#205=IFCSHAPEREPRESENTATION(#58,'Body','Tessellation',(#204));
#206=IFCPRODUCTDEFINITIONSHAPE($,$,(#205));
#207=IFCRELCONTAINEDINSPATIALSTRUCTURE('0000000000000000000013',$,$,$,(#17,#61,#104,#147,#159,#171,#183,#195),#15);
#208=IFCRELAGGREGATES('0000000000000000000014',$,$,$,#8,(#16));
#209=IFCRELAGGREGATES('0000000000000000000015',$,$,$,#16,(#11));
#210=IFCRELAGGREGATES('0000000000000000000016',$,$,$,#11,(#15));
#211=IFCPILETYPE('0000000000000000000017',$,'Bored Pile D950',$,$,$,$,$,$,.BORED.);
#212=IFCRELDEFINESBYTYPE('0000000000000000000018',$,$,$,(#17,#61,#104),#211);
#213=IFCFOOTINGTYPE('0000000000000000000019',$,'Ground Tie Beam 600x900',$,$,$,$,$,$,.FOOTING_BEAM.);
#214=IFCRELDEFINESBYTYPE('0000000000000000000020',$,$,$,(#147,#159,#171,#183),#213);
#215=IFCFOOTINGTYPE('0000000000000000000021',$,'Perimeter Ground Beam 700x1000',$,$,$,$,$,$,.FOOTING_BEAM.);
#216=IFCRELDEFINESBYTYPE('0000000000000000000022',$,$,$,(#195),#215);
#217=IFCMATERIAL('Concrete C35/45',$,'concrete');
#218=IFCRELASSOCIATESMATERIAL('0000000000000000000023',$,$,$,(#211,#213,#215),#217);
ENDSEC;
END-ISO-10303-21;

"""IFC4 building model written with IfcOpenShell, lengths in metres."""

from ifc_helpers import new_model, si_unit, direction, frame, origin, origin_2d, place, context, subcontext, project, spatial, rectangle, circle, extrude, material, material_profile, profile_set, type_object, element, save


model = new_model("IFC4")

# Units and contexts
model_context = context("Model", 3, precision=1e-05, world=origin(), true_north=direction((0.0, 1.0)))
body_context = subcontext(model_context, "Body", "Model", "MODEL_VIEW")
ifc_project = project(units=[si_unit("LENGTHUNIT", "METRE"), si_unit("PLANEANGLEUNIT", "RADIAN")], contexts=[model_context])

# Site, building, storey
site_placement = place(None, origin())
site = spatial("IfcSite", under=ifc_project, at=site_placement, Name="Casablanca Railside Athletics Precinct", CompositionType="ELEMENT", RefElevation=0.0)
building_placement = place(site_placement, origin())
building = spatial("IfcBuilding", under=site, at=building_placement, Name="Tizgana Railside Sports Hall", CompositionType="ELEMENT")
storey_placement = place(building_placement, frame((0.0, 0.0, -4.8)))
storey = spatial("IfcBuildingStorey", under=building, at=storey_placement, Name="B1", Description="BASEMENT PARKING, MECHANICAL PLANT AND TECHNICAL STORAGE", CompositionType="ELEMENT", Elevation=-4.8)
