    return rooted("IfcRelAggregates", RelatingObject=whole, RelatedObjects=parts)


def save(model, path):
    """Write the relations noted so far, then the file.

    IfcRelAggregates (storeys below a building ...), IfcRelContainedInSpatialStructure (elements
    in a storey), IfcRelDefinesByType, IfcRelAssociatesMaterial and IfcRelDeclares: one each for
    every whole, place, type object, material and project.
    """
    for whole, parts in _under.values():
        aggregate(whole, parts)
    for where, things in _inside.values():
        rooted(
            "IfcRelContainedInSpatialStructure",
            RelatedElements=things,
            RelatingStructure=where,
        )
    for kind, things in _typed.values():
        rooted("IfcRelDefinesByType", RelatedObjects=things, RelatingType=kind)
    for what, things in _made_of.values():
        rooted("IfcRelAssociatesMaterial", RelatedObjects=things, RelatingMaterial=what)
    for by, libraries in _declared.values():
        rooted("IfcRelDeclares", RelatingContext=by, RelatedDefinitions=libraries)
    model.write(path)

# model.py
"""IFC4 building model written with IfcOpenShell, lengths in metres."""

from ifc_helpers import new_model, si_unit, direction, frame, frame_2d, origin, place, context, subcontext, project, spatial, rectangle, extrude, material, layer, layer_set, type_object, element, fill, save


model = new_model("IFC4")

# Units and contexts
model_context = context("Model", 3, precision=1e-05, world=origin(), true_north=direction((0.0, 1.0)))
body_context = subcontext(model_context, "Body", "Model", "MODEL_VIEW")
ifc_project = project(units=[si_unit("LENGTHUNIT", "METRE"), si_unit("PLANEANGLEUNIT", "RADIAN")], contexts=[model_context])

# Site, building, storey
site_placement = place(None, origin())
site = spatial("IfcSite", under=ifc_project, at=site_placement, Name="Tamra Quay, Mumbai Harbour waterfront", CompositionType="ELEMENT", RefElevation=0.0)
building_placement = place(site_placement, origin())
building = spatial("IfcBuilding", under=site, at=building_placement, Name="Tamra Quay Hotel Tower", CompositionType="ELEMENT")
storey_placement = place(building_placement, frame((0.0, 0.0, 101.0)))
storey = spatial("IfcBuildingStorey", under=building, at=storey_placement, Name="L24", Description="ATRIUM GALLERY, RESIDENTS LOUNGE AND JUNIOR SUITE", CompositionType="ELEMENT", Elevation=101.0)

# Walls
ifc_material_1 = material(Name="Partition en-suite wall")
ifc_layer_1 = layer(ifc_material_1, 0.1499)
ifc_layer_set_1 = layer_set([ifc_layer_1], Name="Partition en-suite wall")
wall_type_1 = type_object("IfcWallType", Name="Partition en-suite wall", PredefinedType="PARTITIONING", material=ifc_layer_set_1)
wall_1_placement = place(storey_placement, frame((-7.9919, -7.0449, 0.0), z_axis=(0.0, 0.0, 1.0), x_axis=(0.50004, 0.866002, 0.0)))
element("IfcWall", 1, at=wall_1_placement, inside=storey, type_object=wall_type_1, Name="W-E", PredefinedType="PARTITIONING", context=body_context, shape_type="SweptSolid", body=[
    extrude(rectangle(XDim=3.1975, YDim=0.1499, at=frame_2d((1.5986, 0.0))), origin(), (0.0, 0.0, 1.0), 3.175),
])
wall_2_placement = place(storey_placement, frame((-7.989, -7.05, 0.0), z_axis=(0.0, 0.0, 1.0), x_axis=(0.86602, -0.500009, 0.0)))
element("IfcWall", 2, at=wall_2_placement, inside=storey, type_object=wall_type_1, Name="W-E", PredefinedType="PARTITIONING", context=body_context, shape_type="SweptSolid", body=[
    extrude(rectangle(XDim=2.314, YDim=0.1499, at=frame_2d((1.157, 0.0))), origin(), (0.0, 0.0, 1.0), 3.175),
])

Work instructions —
A verbatim copy of the records above should be returned.

Answer to this problem —
#205=IFCSHAPEREPRESENTATION(#58,'Body','Tessellation',(#204));
#206=IFCPRODUCTDEFINITIONSHAPE($,$,(#205));
#207=IFCRELCONTAINEDINSPATIALSTRUCTURE('0000000000000000000013',$,$,$,(#17,#61,#104,#147,#159,#171,#183,#195),#15);
#208=IFCRELAGGREGATES('0000000000000000000014',$,$,$,#8,(#16));
#209=IFCRELAGGREGATES('0000000000000000000015',$,$,$,#16,(#11));
#210=IFCRELAGGREGATES('0000000000000000000016',$,$,$,#11,(#15));
#211=IFCPILETYPE('0000000000000000000017',$,'Bored Pile D950',$,$,$,$,$,$,.BORED.);
#212=IFCRELDEFINESBYTYPE('0000000000000000000018',$,$,$,(#17,#61,#104),#211);
#213=IFCFOOTINGTYPE('0000000000000000000019',$,'Ground Tie Beam 600x900',$,$,$,$,$,$,.FOOTING_BEAM.);
#214=IFCRELDEFINESBYTYPE('0000000000000000000020',$,$,$,(#147,#159,#171,#183),#213);
#215=IFCFOOTINGTYPE('0000000000000000000021',$,'Perimeter Ground Beam 700x1000',$,$,$,$,$,$,.FOOTING_BEAM.);
#216=IFCRELDEFINESBYTYPE('0000000000000000000022',$,$,$,(#195),#215);
#217=IFCMATERIAL('Concrete C35/45',$,'concrete');
#218=IFCRELASSOCIATESMATERIAL('0000000000000000000023',$,$,$,(#211,#213,#215),#217);
ENDSEC;
END-ISO-10303-21;

"""IFC4 building model written with IfcOpenShell, lengths in metres."""

from ifc_helpers import new_model, si_unit, direction, frame, origin, origin_2d, place, context, subcontext, project, spatial, rectangle, circle, extrude, material, material_profile, profile_set, type_object, element, save


model = new_model("IFC4")

# Units and contexts
model_context = context("Model", 3, precision=1e-05, world=origin(), true_north=direction((0.0, 1.0)))
body_context = subcontext(model_context, "Body", "Model", "MODEL_VIEW")
ifc_project = project(units=[si_unit("LENGTHUNIT", "METRE"), si_unit("PLANEANGLEUNIT", "RADIAN")], contexts=[model_context])

# Site, building, storey
site_placement = place(None, origin())
site = spatial("IfcSite", under=ifc_project, at=site_placement, Name="Casablanca Railside Athletics Precinct", CompositionType="ELEMENT", RefElevation=0.0)
building_placement = place(site_placement, origin())
building = spatial("IfcBuilding", under=site, at=building_placement, Name="Tizgana Railside Sports Hall", CompositionType="ELEMENT")
storey_placement = place(building_placement, frame((0.0, 0.0, -4.8)))
storey = spatial("IfcBuildingStorey", under=building, at=storey_placement, Name="B1", Description="BASEMENT PARKING, MECHANICAL PLANT AND TECHNICAL STORAGE", CompositionType="ELEMENT", Elevation=-4.8)
    return rooted("IfcRelAggregates", RelatingObject=whole, RelatedObjects=parts)


def save(model, path):
    """Write the relations noted so far, then the file.

    IfcRelAggregates (storeys below a building ...), IfcRelContainedInSpatialStructure (elements
    in a storey), IfcRelDefinesByType, IfcRelAssociatesMaterial and IfcRelDeclares: one each for
    every whole, place, type object, material and project.
    """
    for whole, parts in _under.values():
        aggregate(whole, parts)
    for where, things in _inside.values():
        rooted(
            "IfcRelContainedInSpatialStructure",
            RelatedElements=things,
            RelatingStructure=where,
        )
    for kind, things in _typed.values():
        rooted("IfcRelDefinesByType", RelatedObjects=things, RelatingType=kind)
    for what, things in _made_of.values():
        rooted("IfcRelAssociatesMaterial", RelatedObjects=things, RelatingMaterial=what)
    for by, libraries in _declared.values():
        rooted("IfcRelDeclares", RelatingContext=by, RelatedDefinitions=libraries)
    model.write(path)

# model.py
"""IFC4 building model written with IfcOpenShell, lengths in metres."""

from ifc_helpers import new_model, si_unit, direction, frame, frame_2d, origin, place, context, subcontext, project, spatial, rectangle, extrude, material, layer, layer_set, type_object, element, fill, save


model = new_model("IFC4")

# Units and contexts
model_context = context("Model", 3, precision=1e-05, world=origin(), true_north=direction((0.0, 1.0)))
body_context = subcontext(model_context, "Body", "Model", "MODEL_VIEW")
ifc_project = project(units=[si_unit("LENGTHUNIT", "METRE"), si_unit("PLANEANGLEUNIT", "RADIAN")], contexts=[model_context])

# Site, building, storey
site_placement = place(None, origin())
site = spatial("IfcSite", under=ifc_project, at=site_placement, Name="Tamra Quay, Mumbai Harbour waterfront", CompositionType="ELEMENT", RefElevation=0.0)
building_placement = place(site_placement, origin())
building = spatial("IfcBuilding", under=site, at=building_placement, Name="Tamra Quay Hotel Tower", CompositionType="ELEMENT")
storey_placement = place(building_placement, frame((0.0, 0.0, 101.0)))
storey = spatial("IfcBuildingStorey", under=building, at=storey_placement, Name="L24", Description="ATRIUM GALLERY, RESIDENTS LOUNGE AND JUNIOR SUITE", CompositionType="ELEMENT", Elevation=101.0)

# Walls
ifc_material_1 = material(Name="Partition en-suite wall")
ifc_layer_1 = layer(ifc_material_1, 0.1499)
ifc_layer_set_1 = layer_set([ifc_layer_1], Name="Partition en-suite wall")
wall_type_1 = type_object("IfcWallType", Name="Partition en-suite wall", PredefinedType="PARTITIONING", material=ifc_layer_set_1)
wall_1_placement = place(storey_placement, frame((-7.9919, -7.0449, 0.0), z_axis=(0.0, 0.0, 1.0), x_axis=(0.50004, 0.866002, 0.0)))
element("IfcWall", 1, at=wall_1_placement, inside=storey, type_object=wall_type_1, Name="W-E", PredefinedType="PARTITIONING", context=body_context, shape_type="SweptSolid", body=[
    extrude(rectangle(XDim=3.1975, YDim=0.1499, at=frame_2d((1.5986, 0.0))), origin(), (0.0, 0.0, 1.0), 3.175),
])
wall_2_placement = place(storey_placement, frame((-7.989, -7.05, 0.0), z_axis=(0.0, 0.0, 1.0), x_axis=(0.86602, -0.500009, 0.0)))
element("IfcWall", 2, at=wall_2_placement, inside=storey, type_object=wall_type_1, Name="W-E", PredefinedType="PARTITIONING", context=body_context, shape_type="SweptSolid", body=[
    extrude(rectangle(XDim=2.314, YDim=0.1499, at=frame_2d((1.157, 0.0))), origin(), (0.0, 0.0, 1.0), 3.175),
])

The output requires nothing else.